■ Data supplied ■
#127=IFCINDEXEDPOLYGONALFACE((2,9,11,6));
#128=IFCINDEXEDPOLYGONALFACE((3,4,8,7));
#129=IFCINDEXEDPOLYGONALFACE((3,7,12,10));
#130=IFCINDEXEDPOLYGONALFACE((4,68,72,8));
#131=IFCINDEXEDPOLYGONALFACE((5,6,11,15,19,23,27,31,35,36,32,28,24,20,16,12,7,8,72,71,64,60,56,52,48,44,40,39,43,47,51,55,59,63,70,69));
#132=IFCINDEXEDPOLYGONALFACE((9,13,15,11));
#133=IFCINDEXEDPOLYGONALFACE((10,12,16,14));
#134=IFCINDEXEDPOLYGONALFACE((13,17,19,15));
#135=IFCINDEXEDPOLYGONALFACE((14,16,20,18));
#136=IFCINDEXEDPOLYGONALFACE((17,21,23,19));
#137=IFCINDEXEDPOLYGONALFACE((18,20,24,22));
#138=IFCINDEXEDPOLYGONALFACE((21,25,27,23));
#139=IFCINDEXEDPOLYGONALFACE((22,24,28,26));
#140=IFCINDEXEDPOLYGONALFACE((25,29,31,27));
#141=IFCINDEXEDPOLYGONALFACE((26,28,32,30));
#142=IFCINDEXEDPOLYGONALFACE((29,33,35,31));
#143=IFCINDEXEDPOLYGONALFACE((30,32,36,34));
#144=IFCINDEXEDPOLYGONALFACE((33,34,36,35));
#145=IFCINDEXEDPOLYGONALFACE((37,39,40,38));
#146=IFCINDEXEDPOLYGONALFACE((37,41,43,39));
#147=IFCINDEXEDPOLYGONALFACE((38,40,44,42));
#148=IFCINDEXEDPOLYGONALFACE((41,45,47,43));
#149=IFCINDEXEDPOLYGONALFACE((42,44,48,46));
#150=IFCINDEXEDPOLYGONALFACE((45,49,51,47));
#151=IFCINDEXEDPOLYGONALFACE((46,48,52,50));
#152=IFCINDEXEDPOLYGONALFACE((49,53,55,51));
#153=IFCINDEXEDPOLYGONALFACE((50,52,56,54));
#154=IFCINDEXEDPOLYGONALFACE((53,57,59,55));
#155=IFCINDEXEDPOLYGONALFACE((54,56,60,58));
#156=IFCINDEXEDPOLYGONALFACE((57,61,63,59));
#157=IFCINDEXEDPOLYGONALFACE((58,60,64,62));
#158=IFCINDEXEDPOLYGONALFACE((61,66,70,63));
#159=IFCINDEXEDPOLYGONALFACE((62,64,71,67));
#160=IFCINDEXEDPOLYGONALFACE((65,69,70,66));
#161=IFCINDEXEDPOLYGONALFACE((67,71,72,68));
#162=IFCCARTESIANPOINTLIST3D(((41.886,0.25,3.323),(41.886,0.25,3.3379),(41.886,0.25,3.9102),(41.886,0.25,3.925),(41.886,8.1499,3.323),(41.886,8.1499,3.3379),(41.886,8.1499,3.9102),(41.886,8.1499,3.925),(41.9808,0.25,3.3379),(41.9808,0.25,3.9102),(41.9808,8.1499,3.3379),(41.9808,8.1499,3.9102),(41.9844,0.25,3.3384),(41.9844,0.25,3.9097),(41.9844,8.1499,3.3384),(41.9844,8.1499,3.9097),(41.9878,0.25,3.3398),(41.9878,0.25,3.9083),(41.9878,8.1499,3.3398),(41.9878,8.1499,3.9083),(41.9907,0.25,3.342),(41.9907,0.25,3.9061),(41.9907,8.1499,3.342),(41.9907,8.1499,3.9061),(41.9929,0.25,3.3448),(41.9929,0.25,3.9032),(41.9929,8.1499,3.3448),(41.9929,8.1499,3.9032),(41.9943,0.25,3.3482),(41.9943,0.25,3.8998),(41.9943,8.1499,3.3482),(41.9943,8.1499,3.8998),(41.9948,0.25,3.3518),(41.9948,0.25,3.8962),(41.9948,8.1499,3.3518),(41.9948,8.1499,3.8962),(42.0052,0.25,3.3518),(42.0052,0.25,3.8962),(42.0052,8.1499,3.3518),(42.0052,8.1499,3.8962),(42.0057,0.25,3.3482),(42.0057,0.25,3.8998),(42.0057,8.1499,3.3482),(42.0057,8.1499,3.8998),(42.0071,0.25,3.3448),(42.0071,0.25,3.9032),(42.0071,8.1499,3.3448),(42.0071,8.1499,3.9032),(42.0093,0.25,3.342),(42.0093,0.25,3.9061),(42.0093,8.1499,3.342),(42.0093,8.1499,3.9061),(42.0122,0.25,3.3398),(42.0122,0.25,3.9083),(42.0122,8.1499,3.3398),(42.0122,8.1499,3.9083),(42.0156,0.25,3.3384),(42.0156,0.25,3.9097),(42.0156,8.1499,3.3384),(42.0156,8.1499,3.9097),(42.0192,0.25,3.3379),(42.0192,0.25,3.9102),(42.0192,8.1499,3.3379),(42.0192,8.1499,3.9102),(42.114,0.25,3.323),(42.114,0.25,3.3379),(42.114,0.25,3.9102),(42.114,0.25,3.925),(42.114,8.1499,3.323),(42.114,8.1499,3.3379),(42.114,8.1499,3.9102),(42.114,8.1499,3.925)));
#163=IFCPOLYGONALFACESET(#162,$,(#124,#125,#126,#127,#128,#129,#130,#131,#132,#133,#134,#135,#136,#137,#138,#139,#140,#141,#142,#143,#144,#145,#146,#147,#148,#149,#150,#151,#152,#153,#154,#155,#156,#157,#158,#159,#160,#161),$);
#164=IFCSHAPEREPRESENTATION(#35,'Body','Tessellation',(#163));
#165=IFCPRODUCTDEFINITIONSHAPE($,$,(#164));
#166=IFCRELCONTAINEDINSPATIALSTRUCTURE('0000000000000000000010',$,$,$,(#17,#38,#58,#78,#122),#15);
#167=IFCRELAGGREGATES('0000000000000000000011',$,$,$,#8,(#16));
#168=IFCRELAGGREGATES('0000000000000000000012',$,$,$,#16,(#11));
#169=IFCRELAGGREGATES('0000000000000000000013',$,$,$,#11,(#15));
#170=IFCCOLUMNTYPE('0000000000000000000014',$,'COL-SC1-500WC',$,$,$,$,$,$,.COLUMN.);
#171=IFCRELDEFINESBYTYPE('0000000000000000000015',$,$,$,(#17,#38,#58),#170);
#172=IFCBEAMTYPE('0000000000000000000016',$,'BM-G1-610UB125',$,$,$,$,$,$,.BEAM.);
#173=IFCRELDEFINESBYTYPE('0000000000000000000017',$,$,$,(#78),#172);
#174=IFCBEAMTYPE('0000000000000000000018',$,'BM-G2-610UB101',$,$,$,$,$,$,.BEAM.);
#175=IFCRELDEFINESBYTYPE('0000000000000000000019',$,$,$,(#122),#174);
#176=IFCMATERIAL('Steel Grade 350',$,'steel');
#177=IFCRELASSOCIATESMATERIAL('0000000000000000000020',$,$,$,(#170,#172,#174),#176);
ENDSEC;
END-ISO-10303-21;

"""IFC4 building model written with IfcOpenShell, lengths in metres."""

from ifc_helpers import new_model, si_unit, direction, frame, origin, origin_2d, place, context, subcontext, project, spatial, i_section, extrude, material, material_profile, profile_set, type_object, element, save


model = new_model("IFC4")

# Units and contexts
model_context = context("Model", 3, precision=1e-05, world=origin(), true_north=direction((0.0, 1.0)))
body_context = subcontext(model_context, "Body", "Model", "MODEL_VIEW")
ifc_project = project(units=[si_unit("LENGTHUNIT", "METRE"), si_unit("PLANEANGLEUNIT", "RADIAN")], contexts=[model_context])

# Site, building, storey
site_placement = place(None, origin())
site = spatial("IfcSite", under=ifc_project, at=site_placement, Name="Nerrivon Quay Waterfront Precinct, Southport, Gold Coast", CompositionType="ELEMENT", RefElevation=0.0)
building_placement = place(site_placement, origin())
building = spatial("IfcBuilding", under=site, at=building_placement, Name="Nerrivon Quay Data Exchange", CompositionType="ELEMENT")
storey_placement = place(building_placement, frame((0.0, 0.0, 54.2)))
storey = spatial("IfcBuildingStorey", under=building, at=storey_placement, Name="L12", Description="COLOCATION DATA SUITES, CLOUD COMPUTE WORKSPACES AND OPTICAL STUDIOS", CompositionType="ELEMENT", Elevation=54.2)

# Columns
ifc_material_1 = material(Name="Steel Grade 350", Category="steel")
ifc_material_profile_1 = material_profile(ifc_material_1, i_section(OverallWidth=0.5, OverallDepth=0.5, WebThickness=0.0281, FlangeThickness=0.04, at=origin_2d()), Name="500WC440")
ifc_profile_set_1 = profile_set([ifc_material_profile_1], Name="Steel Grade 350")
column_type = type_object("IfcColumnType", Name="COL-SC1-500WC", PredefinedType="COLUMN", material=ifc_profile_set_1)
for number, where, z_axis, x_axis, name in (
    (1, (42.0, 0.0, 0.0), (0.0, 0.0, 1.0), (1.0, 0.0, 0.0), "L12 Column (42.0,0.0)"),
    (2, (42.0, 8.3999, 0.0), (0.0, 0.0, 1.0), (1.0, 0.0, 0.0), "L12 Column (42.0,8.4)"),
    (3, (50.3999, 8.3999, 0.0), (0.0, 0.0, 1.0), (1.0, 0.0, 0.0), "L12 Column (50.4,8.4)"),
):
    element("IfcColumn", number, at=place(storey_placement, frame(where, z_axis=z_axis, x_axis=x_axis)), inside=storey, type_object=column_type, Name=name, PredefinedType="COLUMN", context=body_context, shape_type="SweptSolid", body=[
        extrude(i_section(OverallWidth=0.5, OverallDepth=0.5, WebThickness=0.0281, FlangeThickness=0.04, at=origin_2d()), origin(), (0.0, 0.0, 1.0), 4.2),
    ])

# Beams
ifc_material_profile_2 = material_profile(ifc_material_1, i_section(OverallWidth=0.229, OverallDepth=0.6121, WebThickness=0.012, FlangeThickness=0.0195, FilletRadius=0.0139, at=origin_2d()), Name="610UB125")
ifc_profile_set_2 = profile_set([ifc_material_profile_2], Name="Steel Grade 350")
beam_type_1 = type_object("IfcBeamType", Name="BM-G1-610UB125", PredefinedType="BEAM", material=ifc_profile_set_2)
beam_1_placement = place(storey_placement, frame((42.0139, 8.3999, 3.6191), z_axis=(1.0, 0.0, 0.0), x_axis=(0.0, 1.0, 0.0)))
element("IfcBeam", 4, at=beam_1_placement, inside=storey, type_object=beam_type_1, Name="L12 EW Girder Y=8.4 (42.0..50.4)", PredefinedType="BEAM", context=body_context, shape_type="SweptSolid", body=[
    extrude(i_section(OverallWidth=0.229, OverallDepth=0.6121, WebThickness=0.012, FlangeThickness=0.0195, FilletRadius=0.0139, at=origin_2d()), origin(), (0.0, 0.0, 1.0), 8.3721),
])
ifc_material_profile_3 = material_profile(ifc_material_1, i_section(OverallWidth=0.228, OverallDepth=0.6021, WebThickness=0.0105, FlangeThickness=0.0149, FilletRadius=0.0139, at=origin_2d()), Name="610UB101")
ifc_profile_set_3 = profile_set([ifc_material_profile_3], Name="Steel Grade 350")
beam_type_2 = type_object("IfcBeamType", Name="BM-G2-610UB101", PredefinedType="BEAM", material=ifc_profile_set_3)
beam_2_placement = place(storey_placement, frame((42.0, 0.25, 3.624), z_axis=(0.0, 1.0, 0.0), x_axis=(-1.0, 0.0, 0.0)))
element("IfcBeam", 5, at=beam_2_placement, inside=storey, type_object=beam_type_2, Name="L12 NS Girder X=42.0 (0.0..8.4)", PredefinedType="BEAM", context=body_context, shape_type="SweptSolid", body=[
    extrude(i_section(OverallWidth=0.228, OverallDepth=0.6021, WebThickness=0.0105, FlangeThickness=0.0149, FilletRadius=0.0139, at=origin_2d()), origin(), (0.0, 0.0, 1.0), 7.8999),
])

■ Instructions to follow ■
Your answer should consist of the lines above that hold the word "Steel".

■ Answer ■
#176=IFCMATERIAL('Steel Grade 350',$,'steel');
ifc_material_1 = material(Name="Steel Grade 350", Category="steel")
ifc_profile_set_1 = profile_set([ifc_material_profile_1], Name="Steel Grade 350")
ifc_profile_set_2 = profile_set([ifc_material_profile_2], Name="Steel Grade 350")
ifc_profile_set_3 = profile_set([ifc_material_profile_3], Name="Steel Grade 350")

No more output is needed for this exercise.